Exercise:
Your answer must be a single number: the count of lines in the entries below that hold "IFCPOLYGONALFACESET".

Data records:
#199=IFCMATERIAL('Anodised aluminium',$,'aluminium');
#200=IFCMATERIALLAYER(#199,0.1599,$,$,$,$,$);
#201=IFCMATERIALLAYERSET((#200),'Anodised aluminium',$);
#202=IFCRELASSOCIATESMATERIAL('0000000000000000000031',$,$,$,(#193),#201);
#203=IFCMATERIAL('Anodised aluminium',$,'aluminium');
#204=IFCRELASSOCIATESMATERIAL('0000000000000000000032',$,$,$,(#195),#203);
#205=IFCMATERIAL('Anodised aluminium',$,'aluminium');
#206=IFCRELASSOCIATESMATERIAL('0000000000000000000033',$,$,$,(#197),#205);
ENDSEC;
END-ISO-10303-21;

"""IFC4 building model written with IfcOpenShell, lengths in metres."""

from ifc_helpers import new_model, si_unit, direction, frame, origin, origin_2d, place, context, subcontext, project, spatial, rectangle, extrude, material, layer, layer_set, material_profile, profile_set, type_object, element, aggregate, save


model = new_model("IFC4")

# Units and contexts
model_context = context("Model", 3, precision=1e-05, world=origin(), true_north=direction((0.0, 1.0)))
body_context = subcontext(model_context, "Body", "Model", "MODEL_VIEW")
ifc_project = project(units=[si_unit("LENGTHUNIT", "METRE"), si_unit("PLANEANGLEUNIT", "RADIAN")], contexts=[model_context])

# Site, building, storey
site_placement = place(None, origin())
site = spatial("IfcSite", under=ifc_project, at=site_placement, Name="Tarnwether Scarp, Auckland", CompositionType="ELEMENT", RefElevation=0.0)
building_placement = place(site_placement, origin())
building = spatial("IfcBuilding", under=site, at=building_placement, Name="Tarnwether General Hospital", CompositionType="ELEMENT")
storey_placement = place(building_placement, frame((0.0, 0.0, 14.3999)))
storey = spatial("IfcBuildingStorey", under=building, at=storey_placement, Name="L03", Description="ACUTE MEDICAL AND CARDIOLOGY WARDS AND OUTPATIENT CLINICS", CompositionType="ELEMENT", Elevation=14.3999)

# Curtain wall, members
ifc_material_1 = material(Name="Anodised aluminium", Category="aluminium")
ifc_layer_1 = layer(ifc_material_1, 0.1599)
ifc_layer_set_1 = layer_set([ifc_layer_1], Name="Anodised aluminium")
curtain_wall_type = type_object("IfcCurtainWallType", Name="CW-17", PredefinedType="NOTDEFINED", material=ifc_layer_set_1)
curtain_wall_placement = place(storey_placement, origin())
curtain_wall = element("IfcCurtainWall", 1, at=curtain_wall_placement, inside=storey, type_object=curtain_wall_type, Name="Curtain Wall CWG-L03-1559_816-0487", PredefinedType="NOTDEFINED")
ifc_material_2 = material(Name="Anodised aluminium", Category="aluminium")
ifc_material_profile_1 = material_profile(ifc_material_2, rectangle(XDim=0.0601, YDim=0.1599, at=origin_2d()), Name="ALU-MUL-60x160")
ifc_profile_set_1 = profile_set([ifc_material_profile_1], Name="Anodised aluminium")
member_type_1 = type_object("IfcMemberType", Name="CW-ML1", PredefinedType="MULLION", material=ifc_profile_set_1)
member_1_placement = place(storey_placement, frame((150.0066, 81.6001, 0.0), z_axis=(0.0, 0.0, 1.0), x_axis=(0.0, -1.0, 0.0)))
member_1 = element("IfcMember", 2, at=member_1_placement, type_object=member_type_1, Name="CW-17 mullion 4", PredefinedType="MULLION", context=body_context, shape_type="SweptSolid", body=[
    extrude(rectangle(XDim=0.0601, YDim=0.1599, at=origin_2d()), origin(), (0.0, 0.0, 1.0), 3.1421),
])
==
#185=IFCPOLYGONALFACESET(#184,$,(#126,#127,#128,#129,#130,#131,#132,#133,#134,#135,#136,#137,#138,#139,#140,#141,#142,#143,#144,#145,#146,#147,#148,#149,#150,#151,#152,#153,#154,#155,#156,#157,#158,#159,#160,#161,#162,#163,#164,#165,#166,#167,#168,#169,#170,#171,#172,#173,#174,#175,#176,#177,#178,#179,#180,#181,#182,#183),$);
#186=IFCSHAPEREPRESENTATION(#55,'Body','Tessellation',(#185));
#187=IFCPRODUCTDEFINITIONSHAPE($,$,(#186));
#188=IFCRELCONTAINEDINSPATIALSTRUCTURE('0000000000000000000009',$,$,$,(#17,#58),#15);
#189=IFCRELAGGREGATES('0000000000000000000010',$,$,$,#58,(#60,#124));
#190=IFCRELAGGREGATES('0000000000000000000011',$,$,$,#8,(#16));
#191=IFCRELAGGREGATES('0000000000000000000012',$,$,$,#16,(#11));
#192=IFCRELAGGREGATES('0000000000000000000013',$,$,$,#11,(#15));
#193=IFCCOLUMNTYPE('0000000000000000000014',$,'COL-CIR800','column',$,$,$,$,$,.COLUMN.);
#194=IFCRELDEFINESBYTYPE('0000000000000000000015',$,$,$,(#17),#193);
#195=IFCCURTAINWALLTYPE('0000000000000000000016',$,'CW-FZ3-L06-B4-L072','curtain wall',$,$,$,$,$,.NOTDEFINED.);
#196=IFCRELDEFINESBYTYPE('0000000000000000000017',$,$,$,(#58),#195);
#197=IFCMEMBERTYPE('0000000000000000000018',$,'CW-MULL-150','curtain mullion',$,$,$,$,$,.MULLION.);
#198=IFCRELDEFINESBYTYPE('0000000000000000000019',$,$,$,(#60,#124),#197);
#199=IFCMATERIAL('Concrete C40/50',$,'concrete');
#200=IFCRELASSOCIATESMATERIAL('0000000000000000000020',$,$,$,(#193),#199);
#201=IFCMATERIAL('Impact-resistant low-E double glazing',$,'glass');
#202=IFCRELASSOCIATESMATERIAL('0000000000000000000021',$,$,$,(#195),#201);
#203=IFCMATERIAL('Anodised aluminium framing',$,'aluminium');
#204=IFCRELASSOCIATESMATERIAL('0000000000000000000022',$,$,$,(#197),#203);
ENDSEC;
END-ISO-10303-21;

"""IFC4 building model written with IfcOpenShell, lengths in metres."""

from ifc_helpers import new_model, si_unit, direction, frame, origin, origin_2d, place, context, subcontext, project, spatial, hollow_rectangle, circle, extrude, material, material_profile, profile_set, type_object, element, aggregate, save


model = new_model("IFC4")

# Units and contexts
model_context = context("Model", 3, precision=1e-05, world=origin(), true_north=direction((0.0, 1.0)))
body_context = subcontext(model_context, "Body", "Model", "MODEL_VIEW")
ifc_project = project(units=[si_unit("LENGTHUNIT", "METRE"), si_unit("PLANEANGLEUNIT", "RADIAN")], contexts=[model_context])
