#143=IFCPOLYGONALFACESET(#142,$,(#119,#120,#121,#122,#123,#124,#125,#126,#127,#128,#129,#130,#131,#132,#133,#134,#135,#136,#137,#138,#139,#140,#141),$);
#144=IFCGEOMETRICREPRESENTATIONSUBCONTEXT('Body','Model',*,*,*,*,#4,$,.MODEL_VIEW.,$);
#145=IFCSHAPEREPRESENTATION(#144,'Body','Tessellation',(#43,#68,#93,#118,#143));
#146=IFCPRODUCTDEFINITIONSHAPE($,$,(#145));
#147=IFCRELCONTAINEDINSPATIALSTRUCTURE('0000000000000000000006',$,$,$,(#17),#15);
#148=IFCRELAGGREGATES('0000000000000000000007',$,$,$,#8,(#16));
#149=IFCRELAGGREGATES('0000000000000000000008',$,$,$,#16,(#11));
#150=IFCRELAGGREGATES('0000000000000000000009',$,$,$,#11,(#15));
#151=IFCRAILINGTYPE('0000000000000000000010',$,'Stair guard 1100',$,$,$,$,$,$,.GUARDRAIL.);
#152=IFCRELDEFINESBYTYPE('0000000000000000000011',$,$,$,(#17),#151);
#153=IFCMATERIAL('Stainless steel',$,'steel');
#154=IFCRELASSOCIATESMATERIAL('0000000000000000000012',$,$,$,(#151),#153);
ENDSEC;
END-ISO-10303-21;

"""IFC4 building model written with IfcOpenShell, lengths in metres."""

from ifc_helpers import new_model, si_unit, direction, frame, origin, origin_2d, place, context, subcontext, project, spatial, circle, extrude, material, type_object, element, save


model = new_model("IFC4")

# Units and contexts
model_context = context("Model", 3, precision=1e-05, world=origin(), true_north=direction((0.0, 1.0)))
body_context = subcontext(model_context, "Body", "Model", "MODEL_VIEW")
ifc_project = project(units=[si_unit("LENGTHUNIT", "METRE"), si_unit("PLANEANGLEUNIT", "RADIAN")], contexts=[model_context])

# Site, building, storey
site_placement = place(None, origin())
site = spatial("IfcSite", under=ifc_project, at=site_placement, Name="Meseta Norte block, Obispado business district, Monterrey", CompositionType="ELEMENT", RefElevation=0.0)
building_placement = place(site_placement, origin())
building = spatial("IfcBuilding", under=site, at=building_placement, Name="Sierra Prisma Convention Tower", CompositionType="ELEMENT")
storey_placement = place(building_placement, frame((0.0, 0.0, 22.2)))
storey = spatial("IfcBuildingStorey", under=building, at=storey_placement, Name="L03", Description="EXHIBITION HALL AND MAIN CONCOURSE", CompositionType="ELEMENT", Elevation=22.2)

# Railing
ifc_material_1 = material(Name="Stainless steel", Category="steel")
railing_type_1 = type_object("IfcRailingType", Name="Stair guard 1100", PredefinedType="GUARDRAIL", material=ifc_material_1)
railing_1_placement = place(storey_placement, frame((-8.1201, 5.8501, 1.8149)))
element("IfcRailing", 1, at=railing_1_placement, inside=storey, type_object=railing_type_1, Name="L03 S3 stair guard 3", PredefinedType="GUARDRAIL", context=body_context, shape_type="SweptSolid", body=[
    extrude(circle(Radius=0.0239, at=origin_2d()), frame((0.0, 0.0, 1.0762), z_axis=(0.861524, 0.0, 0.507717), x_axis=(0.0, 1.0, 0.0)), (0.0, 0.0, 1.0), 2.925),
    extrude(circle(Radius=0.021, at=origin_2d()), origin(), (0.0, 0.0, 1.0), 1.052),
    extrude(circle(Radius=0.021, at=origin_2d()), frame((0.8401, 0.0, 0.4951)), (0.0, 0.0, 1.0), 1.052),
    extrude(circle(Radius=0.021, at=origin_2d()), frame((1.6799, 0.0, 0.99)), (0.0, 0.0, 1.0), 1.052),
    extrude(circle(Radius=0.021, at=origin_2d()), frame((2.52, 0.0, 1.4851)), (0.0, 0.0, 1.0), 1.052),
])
* * *
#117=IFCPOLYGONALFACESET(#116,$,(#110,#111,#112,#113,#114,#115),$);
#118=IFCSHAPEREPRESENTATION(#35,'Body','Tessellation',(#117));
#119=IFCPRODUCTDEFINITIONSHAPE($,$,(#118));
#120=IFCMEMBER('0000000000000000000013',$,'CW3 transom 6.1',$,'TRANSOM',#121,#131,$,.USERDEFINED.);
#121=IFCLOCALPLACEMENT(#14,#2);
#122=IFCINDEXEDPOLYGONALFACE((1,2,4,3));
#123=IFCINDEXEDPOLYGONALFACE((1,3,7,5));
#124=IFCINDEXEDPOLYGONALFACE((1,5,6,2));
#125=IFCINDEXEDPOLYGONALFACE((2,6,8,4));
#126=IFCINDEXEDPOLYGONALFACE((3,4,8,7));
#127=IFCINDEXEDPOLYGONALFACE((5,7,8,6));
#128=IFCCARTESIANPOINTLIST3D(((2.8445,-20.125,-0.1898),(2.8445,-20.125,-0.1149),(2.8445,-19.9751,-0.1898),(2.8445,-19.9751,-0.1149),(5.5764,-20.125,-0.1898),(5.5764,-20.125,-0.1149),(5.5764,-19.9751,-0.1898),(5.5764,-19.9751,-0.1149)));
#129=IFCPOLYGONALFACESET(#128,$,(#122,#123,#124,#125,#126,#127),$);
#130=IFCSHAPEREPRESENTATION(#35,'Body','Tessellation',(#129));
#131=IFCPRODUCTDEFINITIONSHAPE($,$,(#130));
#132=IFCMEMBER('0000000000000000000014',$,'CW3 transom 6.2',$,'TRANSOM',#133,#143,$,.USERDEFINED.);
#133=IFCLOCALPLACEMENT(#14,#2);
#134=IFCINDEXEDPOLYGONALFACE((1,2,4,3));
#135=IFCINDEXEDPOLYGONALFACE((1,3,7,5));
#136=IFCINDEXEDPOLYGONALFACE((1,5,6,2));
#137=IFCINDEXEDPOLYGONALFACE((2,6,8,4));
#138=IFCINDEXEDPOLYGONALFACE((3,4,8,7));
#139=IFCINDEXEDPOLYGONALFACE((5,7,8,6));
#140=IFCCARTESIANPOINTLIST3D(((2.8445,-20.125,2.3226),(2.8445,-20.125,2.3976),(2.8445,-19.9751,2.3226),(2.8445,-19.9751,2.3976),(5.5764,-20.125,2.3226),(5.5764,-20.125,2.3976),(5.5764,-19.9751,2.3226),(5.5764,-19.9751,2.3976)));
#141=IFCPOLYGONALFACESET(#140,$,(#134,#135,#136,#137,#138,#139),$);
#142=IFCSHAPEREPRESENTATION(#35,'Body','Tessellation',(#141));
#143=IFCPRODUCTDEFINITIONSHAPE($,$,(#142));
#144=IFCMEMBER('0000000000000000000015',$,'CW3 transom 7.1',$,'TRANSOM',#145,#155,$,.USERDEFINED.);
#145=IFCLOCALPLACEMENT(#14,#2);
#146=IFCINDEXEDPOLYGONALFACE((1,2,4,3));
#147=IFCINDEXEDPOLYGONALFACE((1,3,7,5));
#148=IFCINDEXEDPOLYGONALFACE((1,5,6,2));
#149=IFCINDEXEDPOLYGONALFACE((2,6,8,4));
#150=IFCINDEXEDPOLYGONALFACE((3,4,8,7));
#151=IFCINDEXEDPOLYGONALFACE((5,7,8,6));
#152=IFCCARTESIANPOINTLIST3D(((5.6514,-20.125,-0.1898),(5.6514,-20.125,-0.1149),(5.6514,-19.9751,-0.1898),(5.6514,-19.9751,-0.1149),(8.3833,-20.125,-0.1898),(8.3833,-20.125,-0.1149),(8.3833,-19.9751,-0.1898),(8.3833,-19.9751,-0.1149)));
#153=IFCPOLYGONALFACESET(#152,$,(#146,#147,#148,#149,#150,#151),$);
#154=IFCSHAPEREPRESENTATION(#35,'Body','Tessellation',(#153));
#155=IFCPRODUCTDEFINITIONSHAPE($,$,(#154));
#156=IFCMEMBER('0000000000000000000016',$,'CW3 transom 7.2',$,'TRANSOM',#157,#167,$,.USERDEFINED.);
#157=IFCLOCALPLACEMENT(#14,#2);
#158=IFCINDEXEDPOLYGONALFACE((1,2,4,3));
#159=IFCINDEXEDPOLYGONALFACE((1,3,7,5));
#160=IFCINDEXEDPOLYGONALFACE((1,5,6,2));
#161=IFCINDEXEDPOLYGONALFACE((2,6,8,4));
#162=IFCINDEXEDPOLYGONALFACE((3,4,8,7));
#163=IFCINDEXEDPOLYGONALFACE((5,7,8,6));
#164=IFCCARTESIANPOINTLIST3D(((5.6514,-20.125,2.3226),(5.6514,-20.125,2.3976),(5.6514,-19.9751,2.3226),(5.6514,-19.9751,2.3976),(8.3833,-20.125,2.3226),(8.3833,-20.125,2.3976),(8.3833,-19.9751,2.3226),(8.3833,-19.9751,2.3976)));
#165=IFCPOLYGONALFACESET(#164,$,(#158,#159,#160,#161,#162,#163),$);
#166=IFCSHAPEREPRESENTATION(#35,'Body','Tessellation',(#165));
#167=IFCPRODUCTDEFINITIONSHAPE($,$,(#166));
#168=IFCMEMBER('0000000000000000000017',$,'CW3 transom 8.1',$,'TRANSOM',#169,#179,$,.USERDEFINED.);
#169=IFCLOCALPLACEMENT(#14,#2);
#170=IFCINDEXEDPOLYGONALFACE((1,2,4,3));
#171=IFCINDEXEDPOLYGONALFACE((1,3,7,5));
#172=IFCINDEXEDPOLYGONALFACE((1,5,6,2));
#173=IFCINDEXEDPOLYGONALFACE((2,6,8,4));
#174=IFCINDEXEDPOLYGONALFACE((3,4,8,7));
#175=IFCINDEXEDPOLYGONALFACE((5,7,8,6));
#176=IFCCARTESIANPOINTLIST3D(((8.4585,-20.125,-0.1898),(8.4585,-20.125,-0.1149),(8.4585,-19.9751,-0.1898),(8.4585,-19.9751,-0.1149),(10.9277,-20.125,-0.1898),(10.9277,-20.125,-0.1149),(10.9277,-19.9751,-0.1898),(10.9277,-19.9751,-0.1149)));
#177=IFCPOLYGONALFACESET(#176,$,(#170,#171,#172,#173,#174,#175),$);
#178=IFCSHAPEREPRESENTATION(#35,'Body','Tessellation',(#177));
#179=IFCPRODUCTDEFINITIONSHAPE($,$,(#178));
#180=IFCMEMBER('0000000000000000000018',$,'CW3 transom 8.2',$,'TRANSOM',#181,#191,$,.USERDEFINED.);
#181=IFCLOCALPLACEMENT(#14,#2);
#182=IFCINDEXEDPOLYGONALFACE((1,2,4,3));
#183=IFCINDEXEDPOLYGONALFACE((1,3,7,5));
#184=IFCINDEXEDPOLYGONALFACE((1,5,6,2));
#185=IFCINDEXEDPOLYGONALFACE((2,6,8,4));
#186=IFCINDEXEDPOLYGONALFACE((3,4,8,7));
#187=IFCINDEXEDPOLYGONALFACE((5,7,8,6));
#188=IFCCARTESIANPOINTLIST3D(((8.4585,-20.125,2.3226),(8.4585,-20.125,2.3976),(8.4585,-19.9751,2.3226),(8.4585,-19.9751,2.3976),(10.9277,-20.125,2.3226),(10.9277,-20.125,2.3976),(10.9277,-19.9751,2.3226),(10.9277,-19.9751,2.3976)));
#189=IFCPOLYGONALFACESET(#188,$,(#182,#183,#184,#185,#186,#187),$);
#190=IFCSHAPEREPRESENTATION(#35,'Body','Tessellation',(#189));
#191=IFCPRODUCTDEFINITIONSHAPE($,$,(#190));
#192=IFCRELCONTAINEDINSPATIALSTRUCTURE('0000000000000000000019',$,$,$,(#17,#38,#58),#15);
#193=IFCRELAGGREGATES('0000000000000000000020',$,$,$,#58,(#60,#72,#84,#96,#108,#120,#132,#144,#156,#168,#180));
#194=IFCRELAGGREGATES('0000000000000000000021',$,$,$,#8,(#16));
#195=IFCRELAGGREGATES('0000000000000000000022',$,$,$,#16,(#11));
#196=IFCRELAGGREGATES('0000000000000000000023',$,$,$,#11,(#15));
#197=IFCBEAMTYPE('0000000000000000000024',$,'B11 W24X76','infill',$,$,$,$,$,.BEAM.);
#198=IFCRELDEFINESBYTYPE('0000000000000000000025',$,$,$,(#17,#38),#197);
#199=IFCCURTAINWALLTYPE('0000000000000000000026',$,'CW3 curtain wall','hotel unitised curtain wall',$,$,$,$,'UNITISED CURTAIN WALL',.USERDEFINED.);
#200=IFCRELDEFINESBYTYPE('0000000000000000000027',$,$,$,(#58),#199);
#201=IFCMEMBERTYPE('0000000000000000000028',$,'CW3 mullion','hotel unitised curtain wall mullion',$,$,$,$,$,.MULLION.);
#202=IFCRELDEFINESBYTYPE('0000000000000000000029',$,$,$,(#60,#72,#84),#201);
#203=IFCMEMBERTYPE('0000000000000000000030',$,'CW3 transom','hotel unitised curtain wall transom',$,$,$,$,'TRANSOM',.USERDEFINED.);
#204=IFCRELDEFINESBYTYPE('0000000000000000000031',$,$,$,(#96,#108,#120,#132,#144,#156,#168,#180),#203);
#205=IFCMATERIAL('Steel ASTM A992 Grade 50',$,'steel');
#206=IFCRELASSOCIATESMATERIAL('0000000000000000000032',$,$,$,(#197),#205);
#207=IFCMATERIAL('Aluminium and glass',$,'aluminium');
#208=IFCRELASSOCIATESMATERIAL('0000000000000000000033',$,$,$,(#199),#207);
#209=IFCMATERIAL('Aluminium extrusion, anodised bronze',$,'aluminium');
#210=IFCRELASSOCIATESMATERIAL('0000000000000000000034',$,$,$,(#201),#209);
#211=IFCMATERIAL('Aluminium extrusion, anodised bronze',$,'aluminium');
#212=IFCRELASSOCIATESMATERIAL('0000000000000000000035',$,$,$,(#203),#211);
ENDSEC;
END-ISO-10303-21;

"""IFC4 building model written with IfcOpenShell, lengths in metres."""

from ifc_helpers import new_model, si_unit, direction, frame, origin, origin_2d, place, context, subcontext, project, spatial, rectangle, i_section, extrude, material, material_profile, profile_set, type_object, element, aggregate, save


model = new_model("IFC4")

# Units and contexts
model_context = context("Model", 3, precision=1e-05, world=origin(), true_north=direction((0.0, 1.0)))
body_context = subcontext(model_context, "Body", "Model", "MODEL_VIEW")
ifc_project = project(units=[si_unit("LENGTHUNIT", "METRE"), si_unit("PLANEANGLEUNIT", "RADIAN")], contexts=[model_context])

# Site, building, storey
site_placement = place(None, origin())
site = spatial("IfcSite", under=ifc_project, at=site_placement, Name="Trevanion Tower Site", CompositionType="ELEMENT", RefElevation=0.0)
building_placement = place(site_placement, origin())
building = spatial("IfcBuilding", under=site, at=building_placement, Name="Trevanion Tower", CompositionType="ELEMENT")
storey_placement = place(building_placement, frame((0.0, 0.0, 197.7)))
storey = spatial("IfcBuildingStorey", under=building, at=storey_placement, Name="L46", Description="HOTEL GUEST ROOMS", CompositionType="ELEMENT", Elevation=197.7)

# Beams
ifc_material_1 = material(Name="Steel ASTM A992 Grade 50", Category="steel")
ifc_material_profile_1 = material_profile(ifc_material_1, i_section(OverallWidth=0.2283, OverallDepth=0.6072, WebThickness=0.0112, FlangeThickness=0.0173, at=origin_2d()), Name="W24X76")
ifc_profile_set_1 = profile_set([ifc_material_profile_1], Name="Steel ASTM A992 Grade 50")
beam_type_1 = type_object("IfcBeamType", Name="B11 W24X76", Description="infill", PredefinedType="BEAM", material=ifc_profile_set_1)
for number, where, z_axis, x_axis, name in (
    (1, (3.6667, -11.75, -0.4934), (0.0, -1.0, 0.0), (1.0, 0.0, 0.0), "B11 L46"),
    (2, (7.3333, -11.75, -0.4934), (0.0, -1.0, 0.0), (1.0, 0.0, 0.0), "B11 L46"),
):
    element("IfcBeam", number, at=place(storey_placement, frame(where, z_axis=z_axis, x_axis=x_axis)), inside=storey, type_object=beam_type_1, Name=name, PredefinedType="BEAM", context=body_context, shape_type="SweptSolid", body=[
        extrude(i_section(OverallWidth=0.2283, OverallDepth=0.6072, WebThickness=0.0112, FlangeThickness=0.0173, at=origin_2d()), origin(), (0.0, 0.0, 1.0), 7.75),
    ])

Result:
9